§ Directions
Below are records; quote them exactly from the first line through the line that contains "the floor slab',$,$,$,$,$,.BEAM.);".

§ Input data
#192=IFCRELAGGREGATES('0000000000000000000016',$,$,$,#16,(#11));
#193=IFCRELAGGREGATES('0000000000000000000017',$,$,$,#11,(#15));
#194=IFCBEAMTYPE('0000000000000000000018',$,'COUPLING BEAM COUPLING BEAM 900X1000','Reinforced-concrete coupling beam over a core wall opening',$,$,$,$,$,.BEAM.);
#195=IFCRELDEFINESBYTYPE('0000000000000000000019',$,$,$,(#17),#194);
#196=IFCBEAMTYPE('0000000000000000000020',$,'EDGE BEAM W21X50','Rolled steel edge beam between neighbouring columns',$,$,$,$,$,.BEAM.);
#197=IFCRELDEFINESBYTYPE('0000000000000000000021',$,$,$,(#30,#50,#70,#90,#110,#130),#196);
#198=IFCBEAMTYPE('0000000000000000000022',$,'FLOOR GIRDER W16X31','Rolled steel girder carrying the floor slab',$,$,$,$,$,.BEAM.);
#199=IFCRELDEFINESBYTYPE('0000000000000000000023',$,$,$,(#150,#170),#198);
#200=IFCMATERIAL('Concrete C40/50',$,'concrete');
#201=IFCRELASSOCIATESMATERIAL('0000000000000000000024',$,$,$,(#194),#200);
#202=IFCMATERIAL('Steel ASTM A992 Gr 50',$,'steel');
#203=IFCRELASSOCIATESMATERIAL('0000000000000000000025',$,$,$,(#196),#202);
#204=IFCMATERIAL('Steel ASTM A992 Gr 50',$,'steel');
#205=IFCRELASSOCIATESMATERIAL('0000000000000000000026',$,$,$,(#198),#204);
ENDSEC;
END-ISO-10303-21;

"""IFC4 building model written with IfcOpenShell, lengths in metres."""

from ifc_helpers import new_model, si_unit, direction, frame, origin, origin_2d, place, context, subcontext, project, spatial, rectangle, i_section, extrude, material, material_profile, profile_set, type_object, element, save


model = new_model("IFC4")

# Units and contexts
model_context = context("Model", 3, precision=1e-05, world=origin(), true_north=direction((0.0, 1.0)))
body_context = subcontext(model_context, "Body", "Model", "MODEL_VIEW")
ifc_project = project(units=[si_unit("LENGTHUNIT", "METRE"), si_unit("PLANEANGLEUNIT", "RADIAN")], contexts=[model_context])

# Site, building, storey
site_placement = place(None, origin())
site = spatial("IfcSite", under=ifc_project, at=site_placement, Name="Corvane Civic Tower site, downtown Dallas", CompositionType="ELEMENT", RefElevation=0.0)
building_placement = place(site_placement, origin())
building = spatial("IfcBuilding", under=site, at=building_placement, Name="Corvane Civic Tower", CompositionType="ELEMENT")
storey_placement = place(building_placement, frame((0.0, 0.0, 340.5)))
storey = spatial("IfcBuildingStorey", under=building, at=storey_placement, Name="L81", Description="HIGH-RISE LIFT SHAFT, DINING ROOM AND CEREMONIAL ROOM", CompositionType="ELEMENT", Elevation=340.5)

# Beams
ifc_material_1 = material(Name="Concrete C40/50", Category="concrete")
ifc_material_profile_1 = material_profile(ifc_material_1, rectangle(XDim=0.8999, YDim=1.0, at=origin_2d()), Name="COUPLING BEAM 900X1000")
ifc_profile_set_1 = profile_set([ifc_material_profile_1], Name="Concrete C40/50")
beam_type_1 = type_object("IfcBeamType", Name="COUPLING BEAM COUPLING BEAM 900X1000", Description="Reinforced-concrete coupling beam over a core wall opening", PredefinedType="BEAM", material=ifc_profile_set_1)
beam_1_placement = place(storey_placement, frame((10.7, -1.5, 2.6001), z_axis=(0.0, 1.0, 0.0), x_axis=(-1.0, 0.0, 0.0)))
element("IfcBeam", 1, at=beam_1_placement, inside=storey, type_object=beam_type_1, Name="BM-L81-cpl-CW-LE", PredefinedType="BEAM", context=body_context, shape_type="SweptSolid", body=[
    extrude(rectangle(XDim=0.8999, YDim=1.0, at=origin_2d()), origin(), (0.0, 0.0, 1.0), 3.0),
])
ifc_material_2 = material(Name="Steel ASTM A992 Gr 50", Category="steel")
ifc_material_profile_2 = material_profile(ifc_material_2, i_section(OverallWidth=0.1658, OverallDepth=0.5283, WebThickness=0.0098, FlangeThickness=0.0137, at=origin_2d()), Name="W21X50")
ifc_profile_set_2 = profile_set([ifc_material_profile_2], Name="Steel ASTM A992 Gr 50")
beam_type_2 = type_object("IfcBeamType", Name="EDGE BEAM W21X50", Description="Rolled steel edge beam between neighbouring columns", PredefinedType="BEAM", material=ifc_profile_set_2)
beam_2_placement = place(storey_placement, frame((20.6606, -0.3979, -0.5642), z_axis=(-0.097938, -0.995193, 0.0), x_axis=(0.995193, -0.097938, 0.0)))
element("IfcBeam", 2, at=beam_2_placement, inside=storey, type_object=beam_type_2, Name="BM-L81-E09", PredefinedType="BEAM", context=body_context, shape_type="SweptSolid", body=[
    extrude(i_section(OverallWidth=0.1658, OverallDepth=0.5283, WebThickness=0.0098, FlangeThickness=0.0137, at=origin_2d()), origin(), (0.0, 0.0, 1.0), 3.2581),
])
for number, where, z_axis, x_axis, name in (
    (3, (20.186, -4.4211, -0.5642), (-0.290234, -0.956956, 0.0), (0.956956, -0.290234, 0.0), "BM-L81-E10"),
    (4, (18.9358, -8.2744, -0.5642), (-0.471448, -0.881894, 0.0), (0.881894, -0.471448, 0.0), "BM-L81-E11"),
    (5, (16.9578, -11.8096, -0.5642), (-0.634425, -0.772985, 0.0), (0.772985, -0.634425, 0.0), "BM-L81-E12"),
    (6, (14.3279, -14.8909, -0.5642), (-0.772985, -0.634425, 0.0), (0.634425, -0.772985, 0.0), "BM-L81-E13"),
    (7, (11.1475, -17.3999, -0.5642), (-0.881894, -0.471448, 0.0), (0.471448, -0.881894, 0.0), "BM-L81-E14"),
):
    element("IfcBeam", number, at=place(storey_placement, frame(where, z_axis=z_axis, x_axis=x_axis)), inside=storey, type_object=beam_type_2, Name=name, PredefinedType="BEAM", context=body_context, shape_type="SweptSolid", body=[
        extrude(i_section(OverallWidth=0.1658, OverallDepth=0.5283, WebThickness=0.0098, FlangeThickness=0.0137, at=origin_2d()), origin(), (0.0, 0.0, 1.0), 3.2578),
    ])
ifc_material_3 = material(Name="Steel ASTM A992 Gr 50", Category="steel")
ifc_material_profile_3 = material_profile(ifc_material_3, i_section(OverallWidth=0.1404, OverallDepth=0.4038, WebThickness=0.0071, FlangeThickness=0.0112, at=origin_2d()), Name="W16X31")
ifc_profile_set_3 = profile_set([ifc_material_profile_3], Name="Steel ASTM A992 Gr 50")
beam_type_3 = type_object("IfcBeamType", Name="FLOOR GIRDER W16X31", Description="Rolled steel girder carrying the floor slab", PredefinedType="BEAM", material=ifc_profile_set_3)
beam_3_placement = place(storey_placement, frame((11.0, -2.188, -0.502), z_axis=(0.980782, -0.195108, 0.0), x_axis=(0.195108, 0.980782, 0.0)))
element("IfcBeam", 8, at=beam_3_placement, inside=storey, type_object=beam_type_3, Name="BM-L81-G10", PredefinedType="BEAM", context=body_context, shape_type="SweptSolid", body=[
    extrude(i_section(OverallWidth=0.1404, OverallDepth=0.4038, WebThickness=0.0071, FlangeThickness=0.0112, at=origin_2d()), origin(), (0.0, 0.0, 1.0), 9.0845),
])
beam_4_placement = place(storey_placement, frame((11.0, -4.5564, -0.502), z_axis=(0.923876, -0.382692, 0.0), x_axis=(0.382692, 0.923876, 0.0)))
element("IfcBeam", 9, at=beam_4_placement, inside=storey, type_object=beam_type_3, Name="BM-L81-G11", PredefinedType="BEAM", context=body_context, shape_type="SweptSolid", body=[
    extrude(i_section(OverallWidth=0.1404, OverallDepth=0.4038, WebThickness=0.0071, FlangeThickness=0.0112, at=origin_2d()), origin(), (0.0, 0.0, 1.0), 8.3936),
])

§ Worked solution
#192=IFCRELAGGREGATES('0000000000000000000016',$,$,$,#16,(#11));
#193=IFCRELAGGREGATES('0000000000000000000017',$,$,$,#11,(#15));
#194=IFCBEAMTYPE('0000000000000000000018',$,'COUPLING BEAM COUPLING BEAM 900X1000','Reinforced-concrete coupling beam over a core wall opening',$,$,$,$,$,.BEAM.);
#195=IFCRELDEFINESBYTYPE('0000000000000000000019',$,$,$,(#17),#194);
#196=IFCBEAMTYPE('0000000000000000000020',$,'EDGE BEAM W21X50','Rolled steel edge beam between neighbouring columns',$,$,$,$,$,.BEAM.);
#197=IFCRELDEFINESBYTYPE('0000000000000000000021',$,$,$,(#30,#50,#70,#90,#110,#130),#196);
#198=IFCBEAMTYPE('0000000000000000000022',$,'FLOOR GIRDER W16X31','Rolled steel girder carrying the floor slab',$,$,$,$,$,.BEAM.);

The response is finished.